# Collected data
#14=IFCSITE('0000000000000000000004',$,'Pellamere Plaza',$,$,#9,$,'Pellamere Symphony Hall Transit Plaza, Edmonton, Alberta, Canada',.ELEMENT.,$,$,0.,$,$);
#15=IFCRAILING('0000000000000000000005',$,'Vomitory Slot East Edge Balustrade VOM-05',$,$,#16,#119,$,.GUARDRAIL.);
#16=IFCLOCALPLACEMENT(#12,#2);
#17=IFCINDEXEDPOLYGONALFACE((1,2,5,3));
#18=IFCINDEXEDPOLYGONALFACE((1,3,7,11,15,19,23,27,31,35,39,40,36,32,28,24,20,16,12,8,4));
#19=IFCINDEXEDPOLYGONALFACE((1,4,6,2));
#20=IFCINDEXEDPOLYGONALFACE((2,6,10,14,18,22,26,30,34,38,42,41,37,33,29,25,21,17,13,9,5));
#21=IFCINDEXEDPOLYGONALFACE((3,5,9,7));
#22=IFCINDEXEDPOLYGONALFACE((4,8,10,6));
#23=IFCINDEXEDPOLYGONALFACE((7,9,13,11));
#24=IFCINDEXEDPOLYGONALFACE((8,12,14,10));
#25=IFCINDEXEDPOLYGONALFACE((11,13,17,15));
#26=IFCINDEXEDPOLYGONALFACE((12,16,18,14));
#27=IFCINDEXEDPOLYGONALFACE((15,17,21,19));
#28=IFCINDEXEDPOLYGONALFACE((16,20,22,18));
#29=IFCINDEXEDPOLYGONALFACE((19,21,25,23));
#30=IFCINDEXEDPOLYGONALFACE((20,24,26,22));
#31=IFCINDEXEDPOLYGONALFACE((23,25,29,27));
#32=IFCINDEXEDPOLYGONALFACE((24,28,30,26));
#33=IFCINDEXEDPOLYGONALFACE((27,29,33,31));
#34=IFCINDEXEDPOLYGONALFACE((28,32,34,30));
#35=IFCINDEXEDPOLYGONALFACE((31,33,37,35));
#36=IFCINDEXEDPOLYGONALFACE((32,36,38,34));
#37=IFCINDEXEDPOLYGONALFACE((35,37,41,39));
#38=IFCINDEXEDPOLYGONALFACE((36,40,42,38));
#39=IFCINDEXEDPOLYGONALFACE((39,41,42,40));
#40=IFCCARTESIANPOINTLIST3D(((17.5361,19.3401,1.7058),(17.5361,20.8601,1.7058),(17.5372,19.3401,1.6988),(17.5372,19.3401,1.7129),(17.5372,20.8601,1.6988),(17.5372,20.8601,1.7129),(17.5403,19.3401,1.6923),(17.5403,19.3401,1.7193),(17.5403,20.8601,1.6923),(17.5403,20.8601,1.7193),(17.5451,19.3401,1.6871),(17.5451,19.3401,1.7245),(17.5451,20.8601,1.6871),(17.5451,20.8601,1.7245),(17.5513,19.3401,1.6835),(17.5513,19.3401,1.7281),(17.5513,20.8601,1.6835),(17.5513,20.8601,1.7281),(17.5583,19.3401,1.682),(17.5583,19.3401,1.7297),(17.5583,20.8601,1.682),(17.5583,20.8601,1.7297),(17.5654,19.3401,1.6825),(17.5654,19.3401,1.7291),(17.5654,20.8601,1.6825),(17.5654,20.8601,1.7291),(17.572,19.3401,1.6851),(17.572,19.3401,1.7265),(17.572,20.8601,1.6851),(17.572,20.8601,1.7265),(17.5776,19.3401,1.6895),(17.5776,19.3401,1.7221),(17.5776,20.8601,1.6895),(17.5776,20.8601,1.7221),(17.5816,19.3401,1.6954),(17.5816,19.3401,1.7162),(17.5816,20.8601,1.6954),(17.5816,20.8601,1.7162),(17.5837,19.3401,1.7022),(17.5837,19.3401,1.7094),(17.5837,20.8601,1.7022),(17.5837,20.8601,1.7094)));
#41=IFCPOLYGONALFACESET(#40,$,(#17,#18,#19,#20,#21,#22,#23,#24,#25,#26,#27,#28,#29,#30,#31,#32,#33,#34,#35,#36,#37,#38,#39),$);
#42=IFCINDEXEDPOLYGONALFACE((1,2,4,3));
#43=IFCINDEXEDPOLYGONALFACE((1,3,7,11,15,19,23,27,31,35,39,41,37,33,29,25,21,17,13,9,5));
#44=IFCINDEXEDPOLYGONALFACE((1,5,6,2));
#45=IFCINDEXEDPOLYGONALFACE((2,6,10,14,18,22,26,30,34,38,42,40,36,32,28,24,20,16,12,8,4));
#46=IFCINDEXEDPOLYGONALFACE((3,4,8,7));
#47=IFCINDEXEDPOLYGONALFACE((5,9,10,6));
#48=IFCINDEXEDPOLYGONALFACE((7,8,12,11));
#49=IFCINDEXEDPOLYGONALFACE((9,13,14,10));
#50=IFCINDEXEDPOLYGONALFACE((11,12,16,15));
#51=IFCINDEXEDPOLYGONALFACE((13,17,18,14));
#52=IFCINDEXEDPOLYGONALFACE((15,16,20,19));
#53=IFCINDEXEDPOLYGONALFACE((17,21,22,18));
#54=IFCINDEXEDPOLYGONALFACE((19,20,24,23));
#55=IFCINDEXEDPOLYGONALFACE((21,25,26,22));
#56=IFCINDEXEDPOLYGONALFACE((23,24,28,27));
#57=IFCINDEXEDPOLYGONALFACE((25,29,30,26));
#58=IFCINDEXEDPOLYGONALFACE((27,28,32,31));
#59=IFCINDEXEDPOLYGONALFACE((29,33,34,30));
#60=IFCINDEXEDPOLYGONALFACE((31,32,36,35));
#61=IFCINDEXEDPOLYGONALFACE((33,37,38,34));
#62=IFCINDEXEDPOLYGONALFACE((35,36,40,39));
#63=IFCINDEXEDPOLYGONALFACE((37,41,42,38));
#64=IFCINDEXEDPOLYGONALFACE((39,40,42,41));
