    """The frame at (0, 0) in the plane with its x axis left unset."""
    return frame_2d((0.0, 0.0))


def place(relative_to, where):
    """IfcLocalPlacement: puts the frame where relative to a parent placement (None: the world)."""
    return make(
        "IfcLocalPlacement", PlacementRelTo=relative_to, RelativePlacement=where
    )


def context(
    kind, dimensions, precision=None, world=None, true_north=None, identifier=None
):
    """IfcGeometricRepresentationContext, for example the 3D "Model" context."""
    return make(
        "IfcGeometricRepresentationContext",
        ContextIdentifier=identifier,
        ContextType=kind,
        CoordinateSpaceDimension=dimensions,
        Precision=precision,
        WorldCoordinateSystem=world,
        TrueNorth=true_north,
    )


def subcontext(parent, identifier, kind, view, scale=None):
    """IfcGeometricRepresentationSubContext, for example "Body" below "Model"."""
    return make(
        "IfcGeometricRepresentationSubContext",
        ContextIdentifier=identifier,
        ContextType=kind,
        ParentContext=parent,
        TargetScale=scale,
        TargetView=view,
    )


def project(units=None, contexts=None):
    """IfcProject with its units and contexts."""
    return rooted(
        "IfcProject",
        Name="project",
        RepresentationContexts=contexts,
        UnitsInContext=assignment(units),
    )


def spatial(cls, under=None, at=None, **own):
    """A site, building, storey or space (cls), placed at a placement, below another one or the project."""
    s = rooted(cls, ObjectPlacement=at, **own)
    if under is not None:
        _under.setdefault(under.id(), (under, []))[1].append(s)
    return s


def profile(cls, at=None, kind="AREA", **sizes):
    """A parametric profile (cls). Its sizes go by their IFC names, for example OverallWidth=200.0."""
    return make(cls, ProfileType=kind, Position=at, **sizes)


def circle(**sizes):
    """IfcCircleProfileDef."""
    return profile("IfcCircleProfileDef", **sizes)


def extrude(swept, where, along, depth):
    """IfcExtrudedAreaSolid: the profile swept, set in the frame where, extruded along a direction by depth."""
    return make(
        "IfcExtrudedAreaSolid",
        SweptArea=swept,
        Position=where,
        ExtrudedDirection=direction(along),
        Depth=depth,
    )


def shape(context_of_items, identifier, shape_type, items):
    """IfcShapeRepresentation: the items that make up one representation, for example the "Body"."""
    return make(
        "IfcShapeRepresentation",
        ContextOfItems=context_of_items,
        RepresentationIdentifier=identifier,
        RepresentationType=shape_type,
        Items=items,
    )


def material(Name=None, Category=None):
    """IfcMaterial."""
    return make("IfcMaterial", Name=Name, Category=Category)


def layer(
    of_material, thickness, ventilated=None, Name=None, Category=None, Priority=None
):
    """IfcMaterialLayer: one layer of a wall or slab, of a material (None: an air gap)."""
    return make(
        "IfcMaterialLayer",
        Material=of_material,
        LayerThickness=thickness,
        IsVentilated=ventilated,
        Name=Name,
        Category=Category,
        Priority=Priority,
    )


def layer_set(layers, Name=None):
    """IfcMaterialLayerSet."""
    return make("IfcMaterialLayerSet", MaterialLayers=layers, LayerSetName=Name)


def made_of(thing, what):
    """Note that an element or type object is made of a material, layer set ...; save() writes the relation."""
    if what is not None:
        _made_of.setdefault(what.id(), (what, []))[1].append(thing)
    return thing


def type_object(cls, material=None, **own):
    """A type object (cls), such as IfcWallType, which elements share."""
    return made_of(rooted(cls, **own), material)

# Prompt
From the records above, reproduce exactly the lines from the one with "#37=IFCINDEXEDPOLYGONALFACE((35,37,41,39));" to the one with "#39=IFCINDEXEDPOLYGONALFACE((39,41,42,40));", both included, and no others.

# Answer box
#37=IFCINDEXEDPOLYGONALFACE((35,37,41,39));
#38=IFCINDEXEDPOLYGONALFACE((36,40,42,38));
#39=IFCINDEXEDPOLYGONALFACE((39,41,42,40));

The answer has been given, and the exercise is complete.